Filter the records below and copy every line containing the word "edge".

**** RECORDS PROVIDED ****

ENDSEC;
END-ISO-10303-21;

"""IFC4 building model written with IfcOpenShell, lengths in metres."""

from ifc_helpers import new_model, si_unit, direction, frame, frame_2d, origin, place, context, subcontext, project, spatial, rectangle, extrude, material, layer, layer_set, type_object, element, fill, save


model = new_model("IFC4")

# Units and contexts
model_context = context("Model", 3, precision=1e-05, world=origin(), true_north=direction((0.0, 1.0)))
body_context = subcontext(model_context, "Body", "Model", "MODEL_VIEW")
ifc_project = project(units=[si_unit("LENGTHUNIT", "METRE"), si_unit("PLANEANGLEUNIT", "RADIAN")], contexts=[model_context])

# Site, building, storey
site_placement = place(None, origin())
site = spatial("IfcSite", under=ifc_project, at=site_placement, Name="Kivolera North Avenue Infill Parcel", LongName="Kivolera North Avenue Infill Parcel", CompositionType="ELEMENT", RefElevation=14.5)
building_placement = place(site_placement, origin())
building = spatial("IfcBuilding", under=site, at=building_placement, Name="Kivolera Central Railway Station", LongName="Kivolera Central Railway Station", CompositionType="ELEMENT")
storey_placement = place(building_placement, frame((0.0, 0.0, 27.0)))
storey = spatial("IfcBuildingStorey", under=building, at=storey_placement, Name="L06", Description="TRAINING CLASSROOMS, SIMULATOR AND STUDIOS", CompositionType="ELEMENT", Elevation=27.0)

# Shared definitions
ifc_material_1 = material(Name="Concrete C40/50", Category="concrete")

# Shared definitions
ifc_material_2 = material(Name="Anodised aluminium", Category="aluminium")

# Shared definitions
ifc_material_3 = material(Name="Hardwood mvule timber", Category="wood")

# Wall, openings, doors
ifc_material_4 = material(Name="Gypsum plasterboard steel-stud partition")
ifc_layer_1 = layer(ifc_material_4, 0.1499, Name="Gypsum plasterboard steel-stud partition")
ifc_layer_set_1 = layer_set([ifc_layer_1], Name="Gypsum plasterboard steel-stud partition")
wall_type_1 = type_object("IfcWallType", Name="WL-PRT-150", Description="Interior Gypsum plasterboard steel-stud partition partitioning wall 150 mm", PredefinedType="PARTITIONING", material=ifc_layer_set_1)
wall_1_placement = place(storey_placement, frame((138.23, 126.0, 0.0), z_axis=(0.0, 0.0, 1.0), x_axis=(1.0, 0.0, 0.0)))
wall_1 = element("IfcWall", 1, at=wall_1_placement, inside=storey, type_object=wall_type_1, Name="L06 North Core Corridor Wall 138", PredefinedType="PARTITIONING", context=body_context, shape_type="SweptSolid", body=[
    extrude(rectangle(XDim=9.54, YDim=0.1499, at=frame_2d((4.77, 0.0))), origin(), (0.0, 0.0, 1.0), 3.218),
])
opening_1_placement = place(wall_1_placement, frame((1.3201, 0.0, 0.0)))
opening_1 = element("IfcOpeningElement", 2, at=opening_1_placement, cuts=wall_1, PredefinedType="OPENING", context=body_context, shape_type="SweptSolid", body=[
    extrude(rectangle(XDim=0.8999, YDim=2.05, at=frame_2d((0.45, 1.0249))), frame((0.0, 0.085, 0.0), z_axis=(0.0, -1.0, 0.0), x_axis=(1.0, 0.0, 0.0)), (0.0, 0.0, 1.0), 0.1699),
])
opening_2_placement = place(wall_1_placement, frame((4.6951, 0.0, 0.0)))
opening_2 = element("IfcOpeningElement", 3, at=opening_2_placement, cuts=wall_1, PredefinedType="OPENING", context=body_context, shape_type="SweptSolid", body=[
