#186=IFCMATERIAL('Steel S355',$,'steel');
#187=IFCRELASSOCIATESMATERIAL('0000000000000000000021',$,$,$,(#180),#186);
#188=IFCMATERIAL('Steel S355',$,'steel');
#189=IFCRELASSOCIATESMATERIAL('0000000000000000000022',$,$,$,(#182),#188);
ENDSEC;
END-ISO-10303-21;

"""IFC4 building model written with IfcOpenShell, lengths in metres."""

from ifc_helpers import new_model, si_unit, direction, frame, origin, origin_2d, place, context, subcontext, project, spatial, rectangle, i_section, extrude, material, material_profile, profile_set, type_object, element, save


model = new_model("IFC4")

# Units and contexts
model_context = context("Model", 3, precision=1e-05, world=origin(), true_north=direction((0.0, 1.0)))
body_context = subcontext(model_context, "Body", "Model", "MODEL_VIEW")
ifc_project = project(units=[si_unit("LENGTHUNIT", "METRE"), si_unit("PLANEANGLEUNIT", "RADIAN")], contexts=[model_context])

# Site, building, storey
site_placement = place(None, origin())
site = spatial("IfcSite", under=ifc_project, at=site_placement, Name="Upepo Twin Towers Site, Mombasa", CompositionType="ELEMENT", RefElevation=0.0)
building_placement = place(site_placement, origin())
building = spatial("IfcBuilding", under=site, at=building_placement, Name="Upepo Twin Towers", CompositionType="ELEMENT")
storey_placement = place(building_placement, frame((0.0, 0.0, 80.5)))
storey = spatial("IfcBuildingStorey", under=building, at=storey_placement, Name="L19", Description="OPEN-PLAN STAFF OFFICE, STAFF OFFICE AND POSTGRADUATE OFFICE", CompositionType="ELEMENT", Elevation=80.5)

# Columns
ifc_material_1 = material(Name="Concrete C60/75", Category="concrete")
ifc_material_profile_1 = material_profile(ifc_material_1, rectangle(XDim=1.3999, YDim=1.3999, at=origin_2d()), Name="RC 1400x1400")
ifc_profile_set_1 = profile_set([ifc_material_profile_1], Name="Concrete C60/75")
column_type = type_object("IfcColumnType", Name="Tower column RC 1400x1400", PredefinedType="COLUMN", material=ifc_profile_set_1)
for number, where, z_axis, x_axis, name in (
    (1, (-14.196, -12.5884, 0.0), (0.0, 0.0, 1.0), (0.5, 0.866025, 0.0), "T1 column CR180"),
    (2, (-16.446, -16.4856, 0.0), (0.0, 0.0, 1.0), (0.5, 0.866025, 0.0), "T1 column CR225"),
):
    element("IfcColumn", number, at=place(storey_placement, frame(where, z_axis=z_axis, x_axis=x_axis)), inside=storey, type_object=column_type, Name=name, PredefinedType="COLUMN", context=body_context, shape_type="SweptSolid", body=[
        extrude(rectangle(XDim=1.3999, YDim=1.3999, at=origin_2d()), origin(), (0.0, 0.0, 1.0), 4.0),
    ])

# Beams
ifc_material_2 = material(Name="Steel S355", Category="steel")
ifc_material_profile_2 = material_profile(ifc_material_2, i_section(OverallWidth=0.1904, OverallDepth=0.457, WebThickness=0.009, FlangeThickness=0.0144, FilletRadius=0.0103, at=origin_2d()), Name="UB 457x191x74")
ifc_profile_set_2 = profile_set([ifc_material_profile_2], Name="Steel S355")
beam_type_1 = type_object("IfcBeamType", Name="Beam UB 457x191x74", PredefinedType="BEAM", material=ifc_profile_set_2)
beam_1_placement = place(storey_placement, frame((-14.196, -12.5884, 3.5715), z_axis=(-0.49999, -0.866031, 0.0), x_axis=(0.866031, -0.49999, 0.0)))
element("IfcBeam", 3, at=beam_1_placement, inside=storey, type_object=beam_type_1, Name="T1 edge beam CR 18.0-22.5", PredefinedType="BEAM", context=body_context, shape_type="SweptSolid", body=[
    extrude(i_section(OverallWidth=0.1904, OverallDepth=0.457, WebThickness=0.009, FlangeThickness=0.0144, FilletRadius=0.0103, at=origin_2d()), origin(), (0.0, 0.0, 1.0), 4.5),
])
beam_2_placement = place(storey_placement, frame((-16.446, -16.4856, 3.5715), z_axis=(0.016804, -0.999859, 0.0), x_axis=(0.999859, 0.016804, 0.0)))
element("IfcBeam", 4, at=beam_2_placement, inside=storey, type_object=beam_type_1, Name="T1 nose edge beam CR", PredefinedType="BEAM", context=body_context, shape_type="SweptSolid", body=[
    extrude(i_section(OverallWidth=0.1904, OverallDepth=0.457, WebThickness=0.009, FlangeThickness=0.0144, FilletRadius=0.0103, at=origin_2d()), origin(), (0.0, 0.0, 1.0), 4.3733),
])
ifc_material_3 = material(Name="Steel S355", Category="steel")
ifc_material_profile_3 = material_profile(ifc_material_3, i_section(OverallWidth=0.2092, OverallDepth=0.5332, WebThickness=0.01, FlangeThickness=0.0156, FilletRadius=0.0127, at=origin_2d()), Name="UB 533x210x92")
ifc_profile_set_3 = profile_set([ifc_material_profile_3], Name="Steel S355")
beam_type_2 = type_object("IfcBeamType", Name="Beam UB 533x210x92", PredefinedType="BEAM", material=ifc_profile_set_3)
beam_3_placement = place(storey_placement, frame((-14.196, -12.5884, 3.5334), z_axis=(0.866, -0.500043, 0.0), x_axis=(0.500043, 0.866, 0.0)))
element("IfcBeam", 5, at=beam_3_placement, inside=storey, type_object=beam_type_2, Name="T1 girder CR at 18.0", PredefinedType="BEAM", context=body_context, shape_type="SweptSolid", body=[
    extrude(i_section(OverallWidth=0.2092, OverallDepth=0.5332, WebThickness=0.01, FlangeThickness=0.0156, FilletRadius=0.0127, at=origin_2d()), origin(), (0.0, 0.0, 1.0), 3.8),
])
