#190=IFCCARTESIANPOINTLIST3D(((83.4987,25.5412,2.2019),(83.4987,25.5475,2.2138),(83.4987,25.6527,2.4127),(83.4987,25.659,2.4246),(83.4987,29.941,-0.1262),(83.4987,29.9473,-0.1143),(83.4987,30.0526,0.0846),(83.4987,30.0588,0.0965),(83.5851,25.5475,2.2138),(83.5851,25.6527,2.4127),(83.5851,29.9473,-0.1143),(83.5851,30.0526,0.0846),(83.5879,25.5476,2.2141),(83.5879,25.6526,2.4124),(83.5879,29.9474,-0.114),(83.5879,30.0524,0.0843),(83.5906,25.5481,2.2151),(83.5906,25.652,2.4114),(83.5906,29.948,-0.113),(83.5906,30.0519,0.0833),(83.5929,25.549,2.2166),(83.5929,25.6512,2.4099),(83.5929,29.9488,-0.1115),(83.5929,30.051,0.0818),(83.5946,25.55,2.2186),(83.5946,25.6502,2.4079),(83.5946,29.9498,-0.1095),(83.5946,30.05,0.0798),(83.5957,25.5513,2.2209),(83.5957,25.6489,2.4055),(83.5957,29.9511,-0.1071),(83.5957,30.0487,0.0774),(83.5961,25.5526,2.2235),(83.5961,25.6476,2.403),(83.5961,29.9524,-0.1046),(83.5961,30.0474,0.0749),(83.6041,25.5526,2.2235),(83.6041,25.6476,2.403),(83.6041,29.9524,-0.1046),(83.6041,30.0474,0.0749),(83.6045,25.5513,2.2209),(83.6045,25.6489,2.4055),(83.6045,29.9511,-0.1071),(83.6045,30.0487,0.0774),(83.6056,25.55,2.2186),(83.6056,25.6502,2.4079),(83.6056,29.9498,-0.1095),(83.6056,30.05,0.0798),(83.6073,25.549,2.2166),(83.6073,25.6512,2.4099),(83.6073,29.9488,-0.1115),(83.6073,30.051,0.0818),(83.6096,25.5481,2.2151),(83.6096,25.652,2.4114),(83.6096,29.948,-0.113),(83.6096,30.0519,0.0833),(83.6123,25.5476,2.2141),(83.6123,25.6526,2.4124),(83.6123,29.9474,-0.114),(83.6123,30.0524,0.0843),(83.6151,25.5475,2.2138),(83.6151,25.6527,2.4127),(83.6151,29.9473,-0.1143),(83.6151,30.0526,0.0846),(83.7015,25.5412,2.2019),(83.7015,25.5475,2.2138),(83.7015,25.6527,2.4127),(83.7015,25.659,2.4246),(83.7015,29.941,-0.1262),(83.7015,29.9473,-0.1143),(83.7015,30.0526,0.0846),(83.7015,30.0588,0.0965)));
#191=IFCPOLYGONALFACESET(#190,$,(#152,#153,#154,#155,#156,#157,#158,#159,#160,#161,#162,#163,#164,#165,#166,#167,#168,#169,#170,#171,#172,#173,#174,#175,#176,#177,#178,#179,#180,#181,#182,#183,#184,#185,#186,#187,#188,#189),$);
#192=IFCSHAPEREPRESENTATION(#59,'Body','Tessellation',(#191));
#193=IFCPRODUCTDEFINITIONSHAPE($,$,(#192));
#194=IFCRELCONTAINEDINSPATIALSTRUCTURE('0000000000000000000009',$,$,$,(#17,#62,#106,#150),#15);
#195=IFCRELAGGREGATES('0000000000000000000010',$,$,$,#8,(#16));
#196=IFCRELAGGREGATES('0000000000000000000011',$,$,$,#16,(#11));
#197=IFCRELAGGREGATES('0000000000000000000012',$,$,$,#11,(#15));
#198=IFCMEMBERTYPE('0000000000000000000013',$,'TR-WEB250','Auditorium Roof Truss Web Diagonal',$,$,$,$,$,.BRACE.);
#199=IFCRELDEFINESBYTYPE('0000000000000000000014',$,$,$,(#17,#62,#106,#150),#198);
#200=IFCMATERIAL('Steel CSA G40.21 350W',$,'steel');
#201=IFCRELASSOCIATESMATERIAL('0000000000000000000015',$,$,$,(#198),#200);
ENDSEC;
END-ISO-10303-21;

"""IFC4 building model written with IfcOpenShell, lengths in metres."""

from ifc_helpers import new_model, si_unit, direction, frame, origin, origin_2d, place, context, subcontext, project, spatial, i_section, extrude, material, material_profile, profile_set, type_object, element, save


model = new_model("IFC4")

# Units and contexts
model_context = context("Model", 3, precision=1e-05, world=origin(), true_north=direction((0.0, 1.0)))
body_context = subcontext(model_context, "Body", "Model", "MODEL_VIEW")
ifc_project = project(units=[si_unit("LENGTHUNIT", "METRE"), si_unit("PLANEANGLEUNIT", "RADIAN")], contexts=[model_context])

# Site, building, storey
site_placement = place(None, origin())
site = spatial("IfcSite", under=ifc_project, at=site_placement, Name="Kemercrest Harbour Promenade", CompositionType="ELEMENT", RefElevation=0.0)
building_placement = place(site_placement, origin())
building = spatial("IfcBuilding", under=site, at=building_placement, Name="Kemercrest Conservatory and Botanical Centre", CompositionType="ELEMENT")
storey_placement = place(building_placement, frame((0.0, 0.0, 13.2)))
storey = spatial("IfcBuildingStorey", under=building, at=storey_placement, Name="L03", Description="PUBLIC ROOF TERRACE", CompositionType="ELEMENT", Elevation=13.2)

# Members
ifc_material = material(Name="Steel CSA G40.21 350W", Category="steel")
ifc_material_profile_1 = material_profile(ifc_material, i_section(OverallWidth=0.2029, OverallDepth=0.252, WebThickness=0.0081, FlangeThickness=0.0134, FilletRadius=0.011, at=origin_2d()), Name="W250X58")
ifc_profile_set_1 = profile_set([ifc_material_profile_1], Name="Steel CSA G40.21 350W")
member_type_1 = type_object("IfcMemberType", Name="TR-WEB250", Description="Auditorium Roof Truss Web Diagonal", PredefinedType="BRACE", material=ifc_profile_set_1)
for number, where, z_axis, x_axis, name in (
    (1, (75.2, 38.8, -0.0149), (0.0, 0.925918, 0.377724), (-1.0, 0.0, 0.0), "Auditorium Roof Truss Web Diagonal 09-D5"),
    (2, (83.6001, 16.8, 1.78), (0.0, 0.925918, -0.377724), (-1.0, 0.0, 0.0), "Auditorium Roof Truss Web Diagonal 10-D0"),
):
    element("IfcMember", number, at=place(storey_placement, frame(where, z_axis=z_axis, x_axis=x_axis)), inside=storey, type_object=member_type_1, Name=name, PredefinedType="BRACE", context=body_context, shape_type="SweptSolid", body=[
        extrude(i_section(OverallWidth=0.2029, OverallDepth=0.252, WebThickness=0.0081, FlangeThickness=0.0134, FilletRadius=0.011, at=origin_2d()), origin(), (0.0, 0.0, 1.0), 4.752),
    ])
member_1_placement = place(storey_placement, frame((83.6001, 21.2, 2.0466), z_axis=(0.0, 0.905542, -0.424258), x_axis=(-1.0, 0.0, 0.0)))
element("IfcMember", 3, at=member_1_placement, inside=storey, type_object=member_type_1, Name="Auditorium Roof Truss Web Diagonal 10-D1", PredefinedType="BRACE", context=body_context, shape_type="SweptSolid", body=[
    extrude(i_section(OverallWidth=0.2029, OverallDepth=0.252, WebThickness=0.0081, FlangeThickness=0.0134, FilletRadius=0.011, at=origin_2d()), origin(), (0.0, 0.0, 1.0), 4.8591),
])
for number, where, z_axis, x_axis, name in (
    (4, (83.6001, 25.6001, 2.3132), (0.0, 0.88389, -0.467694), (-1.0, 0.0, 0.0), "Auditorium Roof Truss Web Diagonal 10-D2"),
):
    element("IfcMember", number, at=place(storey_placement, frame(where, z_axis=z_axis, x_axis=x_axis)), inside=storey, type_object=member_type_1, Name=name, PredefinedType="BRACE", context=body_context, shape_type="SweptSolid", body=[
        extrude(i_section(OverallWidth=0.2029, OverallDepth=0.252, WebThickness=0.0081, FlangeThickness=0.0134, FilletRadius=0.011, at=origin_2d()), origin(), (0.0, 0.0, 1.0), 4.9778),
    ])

****

SOLUTION FOR THIS EXERCISE:
element("IfcBeam", 3, at=beam_1_placement, inside=storey, type_object=beam_type_1, Name="T1 edge beam CR 18.0-22.5", PredefinedType="BEAM", context=body_context, shape_type="SweptSolid", body=[
element("IfcBeam", 4, at=beam_2_placement, inside=storey, type_object=beam_type_1, Name="T1 nose edge beam CR", PredefinedType="BEAM", context=body_context, shape_type="SweptSolid", body=[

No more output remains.